Content starts
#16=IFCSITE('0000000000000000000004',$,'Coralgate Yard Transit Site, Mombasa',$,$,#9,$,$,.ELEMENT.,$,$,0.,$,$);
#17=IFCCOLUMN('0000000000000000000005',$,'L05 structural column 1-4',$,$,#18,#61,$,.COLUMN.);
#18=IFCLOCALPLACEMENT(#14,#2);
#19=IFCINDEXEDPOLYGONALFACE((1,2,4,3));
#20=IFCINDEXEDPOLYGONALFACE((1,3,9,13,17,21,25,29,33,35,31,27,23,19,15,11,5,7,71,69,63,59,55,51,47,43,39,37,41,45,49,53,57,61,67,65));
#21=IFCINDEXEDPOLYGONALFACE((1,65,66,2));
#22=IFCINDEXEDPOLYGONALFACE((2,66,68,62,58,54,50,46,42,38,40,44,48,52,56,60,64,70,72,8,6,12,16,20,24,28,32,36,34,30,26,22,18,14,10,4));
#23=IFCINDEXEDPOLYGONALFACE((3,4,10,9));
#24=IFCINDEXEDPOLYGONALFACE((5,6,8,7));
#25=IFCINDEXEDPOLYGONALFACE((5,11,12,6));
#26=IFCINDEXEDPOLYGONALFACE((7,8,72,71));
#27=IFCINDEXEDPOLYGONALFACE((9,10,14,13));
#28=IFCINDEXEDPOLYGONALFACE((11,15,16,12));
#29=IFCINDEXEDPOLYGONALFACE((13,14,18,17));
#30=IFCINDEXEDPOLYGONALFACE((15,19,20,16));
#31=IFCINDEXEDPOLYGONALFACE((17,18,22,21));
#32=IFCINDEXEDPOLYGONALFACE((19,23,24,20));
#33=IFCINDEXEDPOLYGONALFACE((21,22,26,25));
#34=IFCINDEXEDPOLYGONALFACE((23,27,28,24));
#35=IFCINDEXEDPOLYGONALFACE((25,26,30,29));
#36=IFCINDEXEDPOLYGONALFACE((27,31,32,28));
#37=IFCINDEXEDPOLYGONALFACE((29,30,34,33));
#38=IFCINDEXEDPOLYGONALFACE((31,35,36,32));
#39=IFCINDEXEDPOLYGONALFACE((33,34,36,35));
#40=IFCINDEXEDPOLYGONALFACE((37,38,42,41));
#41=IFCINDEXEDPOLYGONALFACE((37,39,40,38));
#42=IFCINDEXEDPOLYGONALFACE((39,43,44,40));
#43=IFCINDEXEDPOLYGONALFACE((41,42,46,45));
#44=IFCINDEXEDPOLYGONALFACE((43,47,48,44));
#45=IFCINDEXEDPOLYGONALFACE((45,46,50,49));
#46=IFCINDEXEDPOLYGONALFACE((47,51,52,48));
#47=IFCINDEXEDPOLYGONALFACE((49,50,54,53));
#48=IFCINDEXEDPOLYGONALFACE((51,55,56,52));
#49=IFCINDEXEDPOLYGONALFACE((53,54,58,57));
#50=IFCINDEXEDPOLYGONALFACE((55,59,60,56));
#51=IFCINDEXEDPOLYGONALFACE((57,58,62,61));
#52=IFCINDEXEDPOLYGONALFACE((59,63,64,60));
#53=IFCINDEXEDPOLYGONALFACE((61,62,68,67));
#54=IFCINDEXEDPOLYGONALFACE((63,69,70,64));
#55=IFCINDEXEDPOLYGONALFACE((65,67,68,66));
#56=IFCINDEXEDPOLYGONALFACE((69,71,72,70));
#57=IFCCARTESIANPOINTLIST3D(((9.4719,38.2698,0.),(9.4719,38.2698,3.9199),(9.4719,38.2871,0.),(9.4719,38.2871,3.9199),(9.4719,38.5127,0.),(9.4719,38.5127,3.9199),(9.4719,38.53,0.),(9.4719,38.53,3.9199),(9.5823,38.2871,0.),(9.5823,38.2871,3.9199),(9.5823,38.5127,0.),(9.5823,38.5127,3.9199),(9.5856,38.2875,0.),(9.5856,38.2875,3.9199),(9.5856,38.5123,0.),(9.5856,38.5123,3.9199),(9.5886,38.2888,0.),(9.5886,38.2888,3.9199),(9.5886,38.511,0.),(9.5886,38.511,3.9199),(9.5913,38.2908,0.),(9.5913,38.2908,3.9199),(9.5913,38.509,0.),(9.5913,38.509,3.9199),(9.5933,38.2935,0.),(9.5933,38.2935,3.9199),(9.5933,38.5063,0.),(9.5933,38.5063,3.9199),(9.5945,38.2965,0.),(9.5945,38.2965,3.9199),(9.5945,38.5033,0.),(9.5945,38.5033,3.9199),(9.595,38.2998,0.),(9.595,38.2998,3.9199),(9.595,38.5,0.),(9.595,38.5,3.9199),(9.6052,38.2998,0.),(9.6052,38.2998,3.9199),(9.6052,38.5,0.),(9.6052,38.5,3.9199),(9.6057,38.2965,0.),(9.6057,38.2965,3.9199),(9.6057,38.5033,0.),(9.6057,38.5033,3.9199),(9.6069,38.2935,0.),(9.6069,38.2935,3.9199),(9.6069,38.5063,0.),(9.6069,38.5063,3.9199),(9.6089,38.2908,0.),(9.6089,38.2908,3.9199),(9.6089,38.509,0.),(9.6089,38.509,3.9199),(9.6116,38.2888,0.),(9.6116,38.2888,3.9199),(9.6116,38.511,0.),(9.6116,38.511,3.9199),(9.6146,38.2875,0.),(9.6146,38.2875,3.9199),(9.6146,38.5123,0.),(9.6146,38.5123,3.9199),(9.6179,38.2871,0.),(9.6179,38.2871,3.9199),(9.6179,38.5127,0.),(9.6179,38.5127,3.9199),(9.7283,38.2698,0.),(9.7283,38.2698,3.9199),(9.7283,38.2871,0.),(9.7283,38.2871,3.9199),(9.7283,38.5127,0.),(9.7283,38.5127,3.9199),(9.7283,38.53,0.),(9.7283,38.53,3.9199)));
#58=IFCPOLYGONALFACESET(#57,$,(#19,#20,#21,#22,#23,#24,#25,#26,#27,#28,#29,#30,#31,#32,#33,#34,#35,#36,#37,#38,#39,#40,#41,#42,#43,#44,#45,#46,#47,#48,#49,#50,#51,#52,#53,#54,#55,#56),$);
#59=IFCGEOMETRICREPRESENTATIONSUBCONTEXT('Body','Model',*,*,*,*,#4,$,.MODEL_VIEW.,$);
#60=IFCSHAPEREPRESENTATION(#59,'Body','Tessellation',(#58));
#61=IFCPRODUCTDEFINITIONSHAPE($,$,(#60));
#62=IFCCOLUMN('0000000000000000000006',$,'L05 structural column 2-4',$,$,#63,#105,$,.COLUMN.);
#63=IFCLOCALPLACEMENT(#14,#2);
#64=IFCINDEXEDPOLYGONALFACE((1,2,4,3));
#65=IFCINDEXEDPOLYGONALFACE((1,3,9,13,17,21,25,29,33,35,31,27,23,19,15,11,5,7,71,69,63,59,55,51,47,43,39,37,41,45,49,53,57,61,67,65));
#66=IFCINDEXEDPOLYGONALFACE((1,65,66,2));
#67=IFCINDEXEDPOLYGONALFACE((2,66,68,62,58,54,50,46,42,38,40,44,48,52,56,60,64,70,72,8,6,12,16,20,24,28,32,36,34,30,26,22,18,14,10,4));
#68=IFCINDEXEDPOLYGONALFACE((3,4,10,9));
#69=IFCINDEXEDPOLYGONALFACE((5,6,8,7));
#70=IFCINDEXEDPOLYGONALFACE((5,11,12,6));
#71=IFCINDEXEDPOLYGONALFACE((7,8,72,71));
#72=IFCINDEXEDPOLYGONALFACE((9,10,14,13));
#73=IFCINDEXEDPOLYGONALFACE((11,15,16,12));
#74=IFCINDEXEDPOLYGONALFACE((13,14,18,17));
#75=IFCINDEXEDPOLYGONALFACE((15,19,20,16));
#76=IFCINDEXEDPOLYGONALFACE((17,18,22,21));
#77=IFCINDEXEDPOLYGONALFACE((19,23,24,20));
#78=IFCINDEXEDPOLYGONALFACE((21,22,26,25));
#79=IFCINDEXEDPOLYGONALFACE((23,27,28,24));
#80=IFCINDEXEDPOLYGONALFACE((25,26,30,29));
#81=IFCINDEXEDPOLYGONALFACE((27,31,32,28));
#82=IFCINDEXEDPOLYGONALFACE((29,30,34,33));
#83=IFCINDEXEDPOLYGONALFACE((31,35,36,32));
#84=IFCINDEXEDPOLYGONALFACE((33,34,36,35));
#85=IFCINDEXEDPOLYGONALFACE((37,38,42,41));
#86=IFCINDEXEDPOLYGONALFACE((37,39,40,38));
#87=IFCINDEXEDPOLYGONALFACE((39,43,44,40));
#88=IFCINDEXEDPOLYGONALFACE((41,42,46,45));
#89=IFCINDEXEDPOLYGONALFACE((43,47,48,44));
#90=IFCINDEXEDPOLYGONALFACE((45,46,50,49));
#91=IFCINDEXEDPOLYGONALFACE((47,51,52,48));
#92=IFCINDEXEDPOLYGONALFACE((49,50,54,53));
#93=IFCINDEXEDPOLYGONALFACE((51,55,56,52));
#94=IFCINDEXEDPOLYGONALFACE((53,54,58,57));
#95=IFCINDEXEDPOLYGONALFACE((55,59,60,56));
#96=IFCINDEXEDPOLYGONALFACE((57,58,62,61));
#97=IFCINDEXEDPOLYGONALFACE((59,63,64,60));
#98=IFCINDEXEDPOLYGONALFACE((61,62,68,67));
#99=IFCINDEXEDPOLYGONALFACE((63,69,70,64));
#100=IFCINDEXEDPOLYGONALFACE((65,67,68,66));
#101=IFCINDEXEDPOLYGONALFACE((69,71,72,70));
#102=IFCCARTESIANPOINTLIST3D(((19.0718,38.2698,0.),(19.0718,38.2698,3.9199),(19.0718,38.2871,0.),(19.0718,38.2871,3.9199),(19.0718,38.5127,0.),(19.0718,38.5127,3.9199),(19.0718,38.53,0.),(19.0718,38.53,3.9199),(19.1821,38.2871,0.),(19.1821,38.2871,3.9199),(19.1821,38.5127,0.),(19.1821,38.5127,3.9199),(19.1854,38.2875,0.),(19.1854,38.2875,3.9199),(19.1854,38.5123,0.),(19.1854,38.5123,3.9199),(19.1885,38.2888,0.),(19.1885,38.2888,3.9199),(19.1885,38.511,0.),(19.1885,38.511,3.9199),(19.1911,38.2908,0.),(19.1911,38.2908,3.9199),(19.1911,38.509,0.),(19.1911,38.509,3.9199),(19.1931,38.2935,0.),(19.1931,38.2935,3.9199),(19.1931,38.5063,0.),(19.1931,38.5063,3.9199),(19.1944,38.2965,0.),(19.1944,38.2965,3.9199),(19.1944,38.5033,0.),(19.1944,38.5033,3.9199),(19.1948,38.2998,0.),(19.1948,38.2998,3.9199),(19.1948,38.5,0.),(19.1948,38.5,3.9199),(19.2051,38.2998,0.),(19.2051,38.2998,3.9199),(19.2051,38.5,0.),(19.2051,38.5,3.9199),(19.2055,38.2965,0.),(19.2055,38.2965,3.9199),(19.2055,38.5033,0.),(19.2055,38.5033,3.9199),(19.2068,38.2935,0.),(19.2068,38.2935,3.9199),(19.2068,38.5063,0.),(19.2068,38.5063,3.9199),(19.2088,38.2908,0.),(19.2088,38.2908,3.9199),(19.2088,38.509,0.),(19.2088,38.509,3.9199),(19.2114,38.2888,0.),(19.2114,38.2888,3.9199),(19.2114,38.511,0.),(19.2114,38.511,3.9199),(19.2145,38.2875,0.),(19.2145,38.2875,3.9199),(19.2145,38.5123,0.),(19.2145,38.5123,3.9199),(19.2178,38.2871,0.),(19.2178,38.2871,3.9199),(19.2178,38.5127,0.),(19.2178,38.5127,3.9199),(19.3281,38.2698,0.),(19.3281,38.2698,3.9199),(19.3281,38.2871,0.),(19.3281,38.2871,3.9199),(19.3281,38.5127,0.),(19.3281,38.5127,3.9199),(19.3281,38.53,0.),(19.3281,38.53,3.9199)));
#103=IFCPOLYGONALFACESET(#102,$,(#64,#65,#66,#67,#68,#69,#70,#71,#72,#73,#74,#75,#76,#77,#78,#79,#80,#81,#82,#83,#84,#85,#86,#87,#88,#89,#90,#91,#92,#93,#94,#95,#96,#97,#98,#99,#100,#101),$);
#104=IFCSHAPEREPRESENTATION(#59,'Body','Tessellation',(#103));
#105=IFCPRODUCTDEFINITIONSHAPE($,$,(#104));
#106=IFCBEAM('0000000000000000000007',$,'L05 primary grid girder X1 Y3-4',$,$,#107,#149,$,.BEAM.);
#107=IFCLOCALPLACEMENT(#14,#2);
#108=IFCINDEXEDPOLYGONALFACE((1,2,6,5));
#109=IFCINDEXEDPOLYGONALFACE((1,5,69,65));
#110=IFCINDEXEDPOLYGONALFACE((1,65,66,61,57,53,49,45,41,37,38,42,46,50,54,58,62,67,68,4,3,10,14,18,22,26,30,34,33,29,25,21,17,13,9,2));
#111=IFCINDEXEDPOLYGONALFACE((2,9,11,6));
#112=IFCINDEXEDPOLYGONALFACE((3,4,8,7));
Content ends
### PROBLEM STATEMENT
Across the data, tally the lines containing "column" and give back the number alone.

### ANSWER TO THE PROBLEM
2